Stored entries
*** Begin section ***

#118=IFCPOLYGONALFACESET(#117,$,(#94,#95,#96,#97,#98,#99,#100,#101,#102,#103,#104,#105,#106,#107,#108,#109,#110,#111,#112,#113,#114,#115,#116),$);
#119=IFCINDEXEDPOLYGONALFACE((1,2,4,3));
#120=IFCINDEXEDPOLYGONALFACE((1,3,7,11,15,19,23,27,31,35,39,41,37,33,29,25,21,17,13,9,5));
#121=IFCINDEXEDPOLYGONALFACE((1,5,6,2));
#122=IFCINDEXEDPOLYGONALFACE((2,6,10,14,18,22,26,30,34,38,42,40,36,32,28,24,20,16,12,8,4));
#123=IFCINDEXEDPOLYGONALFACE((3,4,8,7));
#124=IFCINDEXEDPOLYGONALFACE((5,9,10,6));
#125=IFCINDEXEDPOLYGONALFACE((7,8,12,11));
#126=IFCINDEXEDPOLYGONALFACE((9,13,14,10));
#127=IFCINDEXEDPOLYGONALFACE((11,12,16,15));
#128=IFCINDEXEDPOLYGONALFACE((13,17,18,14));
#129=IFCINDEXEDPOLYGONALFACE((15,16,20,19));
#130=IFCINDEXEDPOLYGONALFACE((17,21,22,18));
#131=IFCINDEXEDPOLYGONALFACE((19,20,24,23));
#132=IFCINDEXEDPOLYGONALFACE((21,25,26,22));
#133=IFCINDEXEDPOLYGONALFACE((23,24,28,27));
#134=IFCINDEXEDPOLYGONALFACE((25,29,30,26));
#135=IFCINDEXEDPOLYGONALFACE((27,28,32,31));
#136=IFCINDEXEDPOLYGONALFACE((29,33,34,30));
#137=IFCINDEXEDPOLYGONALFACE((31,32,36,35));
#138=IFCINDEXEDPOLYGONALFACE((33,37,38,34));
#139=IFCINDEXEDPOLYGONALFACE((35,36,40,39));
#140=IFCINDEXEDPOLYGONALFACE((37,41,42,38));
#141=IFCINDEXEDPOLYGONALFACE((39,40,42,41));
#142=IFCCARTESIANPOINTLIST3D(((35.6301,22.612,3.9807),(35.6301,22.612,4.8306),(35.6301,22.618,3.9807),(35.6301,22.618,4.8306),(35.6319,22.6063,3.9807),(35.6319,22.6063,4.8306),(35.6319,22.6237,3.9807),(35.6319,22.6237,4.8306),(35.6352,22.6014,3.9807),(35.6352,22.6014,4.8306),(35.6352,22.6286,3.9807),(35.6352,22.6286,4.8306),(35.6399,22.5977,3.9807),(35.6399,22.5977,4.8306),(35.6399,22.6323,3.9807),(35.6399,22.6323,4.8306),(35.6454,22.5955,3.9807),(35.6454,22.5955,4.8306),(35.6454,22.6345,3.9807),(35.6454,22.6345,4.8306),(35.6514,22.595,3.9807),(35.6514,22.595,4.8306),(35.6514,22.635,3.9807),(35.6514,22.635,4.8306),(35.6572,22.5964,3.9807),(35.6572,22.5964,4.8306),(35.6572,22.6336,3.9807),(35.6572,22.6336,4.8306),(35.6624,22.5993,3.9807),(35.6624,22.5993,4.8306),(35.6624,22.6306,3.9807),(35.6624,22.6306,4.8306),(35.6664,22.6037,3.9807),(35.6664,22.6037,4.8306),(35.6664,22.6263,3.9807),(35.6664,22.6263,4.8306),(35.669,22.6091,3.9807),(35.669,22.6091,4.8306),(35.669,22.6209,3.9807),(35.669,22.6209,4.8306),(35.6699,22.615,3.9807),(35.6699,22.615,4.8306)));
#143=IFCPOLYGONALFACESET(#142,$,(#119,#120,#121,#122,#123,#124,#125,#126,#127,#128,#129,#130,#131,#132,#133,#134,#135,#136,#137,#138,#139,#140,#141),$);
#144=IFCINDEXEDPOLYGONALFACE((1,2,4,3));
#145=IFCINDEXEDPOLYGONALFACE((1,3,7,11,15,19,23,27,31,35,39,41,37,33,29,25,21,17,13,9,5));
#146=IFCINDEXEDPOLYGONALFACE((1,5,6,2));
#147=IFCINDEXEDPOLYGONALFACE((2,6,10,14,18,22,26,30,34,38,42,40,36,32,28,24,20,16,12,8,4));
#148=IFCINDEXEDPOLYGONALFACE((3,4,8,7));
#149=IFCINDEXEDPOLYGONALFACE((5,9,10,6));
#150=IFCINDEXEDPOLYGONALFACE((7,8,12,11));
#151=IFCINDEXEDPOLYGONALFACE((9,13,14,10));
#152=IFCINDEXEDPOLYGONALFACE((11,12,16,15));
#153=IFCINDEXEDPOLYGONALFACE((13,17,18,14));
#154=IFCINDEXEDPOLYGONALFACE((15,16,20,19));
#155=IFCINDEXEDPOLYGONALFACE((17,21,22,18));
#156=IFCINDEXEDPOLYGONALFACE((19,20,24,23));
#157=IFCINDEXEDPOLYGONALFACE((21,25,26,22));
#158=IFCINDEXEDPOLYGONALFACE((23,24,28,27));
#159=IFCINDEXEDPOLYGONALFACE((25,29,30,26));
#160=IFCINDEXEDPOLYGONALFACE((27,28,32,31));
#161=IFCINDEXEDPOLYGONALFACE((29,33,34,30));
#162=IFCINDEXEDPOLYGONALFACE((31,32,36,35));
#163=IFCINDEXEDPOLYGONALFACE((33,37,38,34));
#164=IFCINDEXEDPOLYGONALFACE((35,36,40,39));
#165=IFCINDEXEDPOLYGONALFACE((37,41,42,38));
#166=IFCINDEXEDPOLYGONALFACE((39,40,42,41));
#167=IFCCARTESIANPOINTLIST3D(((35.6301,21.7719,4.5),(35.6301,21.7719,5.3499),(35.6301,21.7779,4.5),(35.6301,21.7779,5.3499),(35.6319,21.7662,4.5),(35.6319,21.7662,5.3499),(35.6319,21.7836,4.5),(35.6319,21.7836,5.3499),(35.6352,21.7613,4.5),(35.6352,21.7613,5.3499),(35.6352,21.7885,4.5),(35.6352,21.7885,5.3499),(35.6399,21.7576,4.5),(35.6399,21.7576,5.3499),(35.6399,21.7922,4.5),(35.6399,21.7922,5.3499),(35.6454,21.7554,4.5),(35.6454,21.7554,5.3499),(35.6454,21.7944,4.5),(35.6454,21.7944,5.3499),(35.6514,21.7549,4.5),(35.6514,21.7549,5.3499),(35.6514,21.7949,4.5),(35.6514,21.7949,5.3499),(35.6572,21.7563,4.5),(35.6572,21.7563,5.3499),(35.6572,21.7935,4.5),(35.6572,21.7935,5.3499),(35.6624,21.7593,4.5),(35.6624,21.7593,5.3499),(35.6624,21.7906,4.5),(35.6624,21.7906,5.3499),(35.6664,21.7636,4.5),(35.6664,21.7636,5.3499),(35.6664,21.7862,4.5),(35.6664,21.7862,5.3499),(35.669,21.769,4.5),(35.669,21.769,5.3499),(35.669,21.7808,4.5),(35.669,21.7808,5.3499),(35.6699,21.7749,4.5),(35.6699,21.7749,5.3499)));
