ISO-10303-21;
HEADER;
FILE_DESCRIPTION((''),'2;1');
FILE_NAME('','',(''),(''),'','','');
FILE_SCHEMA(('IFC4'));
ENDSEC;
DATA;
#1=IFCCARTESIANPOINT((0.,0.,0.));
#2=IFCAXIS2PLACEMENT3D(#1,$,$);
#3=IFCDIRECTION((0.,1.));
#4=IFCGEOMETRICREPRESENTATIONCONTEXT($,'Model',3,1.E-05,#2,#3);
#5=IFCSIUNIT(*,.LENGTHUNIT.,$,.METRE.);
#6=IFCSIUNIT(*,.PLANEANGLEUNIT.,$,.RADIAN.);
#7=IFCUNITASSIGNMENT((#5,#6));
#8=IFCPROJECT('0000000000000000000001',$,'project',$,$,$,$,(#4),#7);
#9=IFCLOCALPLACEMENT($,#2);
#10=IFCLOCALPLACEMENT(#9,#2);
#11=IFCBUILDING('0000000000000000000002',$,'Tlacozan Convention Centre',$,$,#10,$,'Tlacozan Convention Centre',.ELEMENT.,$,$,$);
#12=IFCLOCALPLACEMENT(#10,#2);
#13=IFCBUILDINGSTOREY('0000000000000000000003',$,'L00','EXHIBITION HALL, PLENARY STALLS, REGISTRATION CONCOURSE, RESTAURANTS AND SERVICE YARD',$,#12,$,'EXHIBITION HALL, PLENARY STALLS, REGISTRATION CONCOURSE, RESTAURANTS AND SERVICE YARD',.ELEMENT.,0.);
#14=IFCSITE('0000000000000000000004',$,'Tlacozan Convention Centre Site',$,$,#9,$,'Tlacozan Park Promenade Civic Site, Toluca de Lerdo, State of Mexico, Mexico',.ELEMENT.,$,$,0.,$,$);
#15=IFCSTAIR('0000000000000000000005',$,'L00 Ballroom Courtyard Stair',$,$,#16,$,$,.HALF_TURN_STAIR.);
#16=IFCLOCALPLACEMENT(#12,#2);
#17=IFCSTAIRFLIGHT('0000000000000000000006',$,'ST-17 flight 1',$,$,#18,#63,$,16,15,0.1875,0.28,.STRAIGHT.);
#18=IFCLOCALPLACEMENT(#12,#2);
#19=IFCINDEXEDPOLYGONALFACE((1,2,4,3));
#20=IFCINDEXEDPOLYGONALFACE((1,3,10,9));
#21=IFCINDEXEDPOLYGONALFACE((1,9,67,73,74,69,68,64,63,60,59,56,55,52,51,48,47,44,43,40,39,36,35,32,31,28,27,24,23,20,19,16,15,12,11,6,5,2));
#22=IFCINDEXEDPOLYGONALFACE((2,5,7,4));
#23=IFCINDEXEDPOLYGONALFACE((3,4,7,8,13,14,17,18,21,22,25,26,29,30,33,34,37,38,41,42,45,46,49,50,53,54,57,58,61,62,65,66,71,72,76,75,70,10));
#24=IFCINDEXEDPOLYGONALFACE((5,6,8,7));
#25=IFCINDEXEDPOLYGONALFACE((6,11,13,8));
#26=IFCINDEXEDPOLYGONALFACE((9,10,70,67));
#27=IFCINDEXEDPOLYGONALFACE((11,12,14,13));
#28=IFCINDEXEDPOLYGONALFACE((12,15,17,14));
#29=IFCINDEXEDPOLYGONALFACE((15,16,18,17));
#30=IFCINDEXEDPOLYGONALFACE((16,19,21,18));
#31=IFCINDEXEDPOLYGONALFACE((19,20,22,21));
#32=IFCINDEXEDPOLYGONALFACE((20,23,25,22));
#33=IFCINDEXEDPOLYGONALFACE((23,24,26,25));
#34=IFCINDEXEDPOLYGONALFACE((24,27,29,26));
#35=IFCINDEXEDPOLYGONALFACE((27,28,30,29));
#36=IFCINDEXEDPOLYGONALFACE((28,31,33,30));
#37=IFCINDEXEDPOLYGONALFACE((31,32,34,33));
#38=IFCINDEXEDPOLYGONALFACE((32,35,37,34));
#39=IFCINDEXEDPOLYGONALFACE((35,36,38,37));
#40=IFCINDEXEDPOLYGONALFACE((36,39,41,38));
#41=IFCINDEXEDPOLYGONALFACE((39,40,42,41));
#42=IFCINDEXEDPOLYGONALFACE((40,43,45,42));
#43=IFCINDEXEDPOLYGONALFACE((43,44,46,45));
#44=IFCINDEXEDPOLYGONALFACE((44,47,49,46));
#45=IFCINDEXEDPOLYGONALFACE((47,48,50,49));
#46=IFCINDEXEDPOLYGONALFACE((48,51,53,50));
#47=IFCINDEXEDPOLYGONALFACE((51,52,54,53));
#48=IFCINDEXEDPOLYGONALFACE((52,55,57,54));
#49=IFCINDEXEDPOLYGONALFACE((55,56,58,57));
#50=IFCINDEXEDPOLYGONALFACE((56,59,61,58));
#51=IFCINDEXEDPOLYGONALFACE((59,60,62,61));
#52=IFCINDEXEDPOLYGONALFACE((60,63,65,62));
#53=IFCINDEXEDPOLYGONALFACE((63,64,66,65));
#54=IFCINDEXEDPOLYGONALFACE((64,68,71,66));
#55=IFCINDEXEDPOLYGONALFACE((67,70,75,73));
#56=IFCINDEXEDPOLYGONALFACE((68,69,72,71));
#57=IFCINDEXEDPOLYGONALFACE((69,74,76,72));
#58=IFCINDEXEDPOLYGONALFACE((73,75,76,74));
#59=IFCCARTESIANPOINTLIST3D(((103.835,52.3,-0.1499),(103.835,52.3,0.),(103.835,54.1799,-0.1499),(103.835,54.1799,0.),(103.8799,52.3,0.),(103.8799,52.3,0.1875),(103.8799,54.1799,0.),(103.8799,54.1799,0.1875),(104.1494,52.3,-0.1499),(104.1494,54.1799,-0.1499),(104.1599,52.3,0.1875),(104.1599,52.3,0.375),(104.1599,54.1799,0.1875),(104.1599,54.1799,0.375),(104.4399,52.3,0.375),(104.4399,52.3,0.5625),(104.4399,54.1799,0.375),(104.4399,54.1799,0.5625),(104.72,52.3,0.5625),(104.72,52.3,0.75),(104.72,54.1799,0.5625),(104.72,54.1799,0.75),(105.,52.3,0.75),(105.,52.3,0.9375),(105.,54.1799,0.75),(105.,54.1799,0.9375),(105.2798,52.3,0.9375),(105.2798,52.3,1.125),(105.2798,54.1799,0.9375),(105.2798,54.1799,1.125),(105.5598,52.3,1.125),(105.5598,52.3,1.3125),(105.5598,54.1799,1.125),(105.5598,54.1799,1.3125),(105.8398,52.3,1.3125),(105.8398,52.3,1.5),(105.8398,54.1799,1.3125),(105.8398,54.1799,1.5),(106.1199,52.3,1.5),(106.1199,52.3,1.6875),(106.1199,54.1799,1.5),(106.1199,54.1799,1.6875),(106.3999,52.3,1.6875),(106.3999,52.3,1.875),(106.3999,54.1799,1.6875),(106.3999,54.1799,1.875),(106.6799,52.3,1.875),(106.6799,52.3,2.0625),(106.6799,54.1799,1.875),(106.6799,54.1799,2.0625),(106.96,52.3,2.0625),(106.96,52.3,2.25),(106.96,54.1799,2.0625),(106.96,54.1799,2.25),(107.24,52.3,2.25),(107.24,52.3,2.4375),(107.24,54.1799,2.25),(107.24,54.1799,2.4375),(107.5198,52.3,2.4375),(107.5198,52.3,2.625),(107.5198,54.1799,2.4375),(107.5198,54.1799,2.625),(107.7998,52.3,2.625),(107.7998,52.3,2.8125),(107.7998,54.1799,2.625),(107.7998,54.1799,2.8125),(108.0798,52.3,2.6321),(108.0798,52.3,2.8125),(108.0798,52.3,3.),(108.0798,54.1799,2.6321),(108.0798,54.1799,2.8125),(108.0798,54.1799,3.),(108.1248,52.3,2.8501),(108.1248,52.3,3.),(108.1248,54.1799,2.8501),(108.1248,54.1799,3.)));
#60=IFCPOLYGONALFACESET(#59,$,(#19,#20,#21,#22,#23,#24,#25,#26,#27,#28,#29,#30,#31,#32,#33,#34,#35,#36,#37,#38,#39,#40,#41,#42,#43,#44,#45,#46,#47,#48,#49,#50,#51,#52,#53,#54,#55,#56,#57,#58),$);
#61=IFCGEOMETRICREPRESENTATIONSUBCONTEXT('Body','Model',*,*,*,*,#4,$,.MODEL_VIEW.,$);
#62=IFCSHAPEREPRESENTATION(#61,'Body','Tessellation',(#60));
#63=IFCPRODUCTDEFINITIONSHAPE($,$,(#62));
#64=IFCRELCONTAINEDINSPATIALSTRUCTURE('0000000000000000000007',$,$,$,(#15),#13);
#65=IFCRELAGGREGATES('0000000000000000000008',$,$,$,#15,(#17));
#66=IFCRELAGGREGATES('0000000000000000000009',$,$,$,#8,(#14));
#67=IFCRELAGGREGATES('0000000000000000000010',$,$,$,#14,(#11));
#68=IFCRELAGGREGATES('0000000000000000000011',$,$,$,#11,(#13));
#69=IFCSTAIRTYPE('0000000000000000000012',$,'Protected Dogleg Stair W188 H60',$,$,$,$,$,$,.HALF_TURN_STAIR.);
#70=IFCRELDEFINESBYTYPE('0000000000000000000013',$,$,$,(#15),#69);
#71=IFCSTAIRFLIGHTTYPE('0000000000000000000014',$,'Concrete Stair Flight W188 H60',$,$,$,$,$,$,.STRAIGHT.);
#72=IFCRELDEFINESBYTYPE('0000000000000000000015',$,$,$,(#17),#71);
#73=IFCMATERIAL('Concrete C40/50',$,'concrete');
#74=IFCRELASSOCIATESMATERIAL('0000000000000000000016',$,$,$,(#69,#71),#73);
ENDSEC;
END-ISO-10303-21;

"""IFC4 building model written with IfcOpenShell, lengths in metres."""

from ifc_helpers import new_model, si_unit, direction, frame, origin, place, context, subcontext, project, spatial, polyline, outline, extrude, material, type_object, element, aggregate, save


model = new_model("IFC4")

# Units and contexts
model_context = context("Model", 3, precision=1e-05, world=origin(), true_north=direction((0.0, 1.0)))
body_context = subcontext(model_context, "Body", "Model", "MODEL_VIEW")
ifc_project = project(units=[si_unit("LENGTHUNIT", "METRE"), si_unit("PLANEANGLEUNIT", "RADIAN")], contexts=[model_context])

# Site, building, storey
site_placement = place(None, origin())
site = spatial("IfcSite", under=ifc_project, at=site_placement, Name="Tlacozan Convention Centre Site", LongName="Tlacozan Park Promenade Civic Site, Toluca de Lerdo, State of Mexico, Mexico", CompositionType="ELEMENT", RefElevation=0.0)
building_placement = place(site_placement, origin())
building = spatial("IfcBuilding", under=site, at=building_placement, Name="Tlacozan Convention Centre", LongName="Tlacozan Convention Centre", CompositionType="ELEMENT")
storey_placement = place(building_placement, origin())
storey = spatial("IfcBuildingStorey", under=building, at=storey_placement, Name="L00", Description="EXHIBITION HALL, PLENARY STALLS, REGISTRATION CONCOURSE, RESTAURANTS AND SERVICE YARD", LongName="EXHIBITION HALL, PLENARY STALLS, REGISTRATION CONCOURSE, RESTAURANTS AND SERVICE YARD", CompositionType="ELEMENT", Elevation=0.0)

# Shared definitions
ifc_material_1 = material(Name="Concrete C40/50", Category="concrete")

# Shared definitions
stair_type = type_object("IfcStairType", Name="Protected Dogleg Stair W188 H60", PredefinedType="HALF_TURN_STAIR", material=ifc_material_1)
stair_flight_type = type_object("IfcStairFlightType", Name="Concrete Stair Flight W188 H60", PredefinedType="STRAIGHT", material=ifc_material_1)

# Stair, stair flight
stair_1_placement = place(storey_placement, origin())
stair_1 = element("IfcStair", 1, at=stair_1_placement, inside=storey, type_object=stair_type, Name="L00 Ballroom Courtyard Stair", PredefinedType="HALF_TURN_STAIR")
stair_flight_1_placement = place(storey_placement, frame((103.8799, 53.24, 0.0), z_axis=(0.0, 0.0, 1.0), x_axis=(1.0, 0.0, 0.0)))
stair_flight_1 = element("IfcStairFlight", 2, at=stair_flight_1_placement, type_object=stair_flight_type, Name="ST-17 flight 1", NumberOfRisers=16, NumberOfTreads=15, PredefinedType="STRAIGHT", RiserHeight=0.1875, TreadLength=0.28, context=body_context, shape_type="SweptSolid", body=[
    extrude(outline(polyline([(-0.0449, -0.1499), (-0.0449, 0.0), (0.0, 0.0), (0.0, 0.1875), (0.28, 0.1875), (0.28, 0.375), (0.5601, 0.375), (0.5601, 0.5625), (0.8401, 0.5625), (0.8401, 0.75), (1.1201, 0.75), (1.1201, 0.9375), (1.3999, 0.9375), (1.3999, 1.125), (1.6799, 1.125), (1.6799, 1.3125), (1.96, 1.3125), (1.96, 1.5), (2.24, 1.5), (2.24, 1.6875), (2.52, 1.6875), (2.52, 1.875), (2.8, 1.875), (2.8, 2.0625), (3.0801, 2.0625), (3.0801, 2.25), (3.3601, 2.25), (3.3601, 2.4375), (3.6399, 2.4375), (3.6399, 2.625), (3.9199, 2.625), (3.9199, 2.8125), (4.2, 2.8125), (4.2, 3.0), (4.2449, 3.0), (4.2449, 2.8501), (4.2, 2.6321), (0.2695, -0.1499), (-0.0449, -0.1499)])), frame((0.0, 0.9399, 0.0), z_axis=(0.0, -1.0, 0.0), x_axis=(1.0, 0.0, 0.0)), (0.0, 0.0, 1.0), 1.8799),
])
aggregate(stair_1, [stair_flight_1])

save(model, "model.ifc")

*** End section ***

# EXERCISE AIM:
How many of the lines above hold "IFCRELDEFINESBYTYPE"? Answer with only the number.

# PROBLEM SOLUTION:
2